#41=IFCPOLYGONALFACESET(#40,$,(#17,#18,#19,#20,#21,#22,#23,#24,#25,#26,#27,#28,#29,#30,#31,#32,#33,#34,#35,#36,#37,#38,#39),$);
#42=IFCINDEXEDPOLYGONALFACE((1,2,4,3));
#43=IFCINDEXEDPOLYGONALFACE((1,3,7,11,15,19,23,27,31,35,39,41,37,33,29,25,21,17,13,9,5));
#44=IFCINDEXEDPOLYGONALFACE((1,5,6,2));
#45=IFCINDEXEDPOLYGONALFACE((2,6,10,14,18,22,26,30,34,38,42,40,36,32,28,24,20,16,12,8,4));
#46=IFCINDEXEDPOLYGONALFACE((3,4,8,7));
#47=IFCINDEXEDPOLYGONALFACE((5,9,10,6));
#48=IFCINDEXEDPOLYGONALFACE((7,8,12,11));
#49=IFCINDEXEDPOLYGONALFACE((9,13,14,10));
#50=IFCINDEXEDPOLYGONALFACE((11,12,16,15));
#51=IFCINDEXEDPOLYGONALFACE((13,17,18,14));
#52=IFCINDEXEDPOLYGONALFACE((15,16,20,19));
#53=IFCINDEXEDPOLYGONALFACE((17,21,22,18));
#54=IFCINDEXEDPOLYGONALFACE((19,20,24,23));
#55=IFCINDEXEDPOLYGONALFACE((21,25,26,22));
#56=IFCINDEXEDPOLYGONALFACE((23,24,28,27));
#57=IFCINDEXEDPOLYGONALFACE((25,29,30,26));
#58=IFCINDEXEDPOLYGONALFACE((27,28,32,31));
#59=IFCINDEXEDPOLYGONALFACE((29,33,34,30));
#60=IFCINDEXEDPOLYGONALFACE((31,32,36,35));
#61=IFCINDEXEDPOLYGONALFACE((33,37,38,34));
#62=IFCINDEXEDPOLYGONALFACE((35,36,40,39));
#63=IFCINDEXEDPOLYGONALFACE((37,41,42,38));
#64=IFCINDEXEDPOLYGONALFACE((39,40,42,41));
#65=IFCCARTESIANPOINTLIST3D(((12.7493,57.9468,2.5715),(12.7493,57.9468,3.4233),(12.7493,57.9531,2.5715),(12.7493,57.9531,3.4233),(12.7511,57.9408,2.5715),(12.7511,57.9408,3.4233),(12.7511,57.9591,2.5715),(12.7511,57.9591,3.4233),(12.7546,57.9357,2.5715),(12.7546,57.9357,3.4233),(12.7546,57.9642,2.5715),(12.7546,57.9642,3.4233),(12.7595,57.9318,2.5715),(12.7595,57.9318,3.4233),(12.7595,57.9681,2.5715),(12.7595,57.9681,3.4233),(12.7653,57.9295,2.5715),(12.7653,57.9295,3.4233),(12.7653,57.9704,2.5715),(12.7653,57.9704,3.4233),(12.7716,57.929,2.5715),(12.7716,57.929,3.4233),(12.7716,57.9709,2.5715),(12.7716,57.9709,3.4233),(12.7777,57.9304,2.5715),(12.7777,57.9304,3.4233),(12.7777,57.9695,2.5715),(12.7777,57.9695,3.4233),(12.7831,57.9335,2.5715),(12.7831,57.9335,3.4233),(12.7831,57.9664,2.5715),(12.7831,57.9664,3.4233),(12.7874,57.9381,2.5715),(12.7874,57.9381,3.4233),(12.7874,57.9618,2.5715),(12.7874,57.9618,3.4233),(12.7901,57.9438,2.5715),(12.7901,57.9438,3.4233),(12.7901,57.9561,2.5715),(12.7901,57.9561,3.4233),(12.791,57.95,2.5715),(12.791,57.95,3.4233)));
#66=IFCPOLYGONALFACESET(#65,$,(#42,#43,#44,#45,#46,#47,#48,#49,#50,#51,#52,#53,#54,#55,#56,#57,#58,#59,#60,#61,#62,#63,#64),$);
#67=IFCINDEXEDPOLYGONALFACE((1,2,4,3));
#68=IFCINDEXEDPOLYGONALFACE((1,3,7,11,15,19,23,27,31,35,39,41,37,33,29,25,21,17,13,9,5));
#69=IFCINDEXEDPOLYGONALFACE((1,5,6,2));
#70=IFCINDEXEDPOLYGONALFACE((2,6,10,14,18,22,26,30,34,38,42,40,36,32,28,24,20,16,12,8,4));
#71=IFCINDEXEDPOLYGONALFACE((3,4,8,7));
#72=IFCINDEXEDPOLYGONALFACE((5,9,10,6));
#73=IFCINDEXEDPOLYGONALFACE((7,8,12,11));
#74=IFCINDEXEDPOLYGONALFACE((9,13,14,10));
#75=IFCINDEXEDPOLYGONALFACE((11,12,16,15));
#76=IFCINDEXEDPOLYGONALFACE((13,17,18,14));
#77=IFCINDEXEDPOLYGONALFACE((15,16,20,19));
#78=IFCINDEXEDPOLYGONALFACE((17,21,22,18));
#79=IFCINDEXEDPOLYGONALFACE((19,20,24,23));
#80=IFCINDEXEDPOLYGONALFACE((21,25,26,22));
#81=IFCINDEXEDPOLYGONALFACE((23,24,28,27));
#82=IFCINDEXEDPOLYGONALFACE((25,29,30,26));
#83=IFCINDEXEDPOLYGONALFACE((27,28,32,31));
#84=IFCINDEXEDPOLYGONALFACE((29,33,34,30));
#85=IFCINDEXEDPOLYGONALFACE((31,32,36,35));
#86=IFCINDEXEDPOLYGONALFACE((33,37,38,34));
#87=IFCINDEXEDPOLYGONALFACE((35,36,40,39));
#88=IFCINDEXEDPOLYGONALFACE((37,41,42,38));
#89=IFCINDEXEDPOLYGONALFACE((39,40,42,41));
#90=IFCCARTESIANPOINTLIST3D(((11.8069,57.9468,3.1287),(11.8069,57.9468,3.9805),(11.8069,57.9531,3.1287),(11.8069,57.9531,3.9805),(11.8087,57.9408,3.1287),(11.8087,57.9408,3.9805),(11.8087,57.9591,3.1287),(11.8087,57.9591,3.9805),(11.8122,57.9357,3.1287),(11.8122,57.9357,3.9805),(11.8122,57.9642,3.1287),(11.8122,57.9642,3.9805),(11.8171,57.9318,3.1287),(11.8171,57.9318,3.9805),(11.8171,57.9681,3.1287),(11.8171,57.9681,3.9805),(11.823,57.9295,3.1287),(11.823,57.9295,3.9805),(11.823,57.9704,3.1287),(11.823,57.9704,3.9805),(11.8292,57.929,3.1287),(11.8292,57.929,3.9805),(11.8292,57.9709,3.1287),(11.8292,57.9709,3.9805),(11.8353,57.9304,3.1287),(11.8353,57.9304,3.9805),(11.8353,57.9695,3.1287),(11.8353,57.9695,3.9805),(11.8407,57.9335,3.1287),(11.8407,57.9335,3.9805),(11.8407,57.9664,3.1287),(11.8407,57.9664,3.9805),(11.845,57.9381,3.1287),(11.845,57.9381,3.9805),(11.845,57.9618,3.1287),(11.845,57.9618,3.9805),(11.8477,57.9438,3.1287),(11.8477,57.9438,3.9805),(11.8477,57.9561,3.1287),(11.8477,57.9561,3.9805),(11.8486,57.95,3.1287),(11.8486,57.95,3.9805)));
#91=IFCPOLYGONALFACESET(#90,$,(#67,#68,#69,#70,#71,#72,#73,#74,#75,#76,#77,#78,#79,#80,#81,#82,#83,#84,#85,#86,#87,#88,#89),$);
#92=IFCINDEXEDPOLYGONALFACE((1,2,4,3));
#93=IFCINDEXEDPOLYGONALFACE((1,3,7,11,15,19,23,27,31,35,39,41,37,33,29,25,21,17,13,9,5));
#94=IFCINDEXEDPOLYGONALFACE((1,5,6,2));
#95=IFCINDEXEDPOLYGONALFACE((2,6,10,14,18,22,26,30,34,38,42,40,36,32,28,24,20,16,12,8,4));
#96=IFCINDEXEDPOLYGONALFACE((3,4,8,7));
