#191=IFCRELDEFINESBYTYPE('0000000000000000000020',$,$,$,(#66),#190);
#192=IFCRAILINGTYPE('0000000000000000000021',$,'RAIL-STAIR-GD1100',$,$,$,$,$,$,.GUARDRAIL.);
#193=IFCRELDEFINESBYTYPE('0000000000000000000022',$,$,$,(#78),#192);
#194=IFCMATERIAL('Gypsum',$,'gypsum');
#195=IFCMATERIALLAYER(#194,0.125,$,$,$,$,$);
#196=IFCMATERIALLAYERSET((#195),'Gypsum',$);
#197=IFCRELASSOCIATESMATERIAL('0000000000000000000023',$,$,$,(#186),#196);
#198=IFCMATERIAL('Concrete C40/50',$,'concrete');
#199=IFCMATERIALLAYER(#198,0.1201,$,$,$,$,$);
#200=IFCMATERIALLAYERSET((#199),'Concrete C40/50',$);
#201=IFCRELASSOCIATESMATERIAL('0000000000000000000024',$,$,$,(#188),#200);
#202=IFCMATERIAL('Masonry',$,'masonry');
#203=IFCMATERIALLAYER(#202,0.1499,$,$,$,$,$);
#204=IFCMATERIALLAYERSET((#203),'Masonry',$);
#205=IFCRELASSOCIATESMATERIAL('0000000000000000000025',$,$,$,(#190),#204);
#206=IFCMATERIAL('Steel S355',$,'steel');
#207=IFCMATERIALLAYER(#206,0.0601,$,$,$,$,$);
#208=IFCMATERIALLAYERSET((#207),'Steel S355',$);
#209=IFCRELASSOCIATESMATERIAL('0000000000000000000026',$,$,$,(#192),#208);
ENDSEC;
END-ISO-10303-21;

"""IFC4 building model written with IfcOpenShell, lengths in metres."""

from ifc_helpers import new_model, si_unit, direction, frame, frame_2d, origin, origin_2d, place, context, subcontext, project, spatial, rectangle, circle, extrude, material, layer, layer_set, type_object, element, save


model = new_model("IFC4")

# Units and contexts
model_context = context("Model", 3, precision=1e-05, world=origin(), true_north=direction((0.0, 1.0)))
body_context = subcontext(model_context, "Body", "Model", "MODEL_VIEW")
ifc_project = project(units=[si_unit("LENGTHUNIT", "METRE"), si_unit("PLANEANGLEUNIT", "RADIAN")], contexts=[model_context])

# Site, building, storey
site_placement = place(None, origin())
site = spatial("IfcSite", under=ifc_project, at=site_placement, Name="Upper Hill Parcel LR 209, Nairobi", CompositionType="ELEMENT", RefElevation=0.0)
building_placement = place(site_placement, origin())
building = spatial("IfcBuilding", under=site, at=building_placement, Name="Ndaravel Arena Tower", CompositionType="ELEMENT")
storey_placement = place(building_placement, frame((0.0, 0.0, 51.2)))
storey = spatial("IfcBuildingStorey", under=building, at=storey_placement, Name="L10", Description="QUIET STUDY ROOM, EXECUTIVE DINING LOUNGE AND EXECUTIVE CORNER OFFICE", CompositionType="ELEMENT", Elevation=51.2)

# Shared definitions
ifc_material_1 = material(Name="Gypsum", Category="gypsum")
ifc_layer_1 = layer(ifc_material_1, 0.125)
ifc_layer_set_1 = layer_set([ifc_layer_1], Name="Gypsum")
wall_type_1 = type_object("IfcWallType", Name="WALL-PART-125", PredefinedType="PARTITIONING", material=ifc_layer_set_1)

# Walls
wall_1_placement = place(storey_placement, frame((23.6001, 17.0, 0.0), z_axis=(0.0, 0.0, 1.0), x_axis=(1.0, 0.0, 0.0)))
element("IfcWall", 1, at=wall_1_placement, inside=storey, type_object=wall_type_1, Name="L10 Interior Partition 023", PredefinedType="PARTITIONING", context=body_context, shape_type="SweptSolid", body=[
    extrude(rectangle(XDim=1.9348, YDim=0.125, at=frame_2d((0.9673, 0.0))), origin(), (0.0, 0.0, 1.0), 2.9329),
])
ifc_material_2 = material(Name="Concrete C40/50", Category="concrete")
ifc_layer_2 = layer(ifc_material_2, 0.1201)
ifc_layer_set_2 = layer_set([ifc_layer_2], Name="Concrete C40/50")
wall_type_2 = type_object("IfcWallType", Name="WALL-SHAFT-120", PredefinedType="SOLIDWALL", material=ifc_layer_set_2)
+++
• _WHAT YOU HAVE TO DO_
For this listing, copy out every line that includes the word "extrude".

• _PROBLEM SOLUTION_
from ifc_helpers import new_model, si_unit, direction, frame, frame_2d, origin, origin_2d, place, context, subcontext, project, spatial, rectangle, circle, extrude, material, layer, layer_set, type_object, element, save
    extrude(rectangle(XDim=1.9348, YDim=0.125, at=frame_2d((0.9673, 0.0))), origin(), (0.0, 0.0, 1.0), 2.9329),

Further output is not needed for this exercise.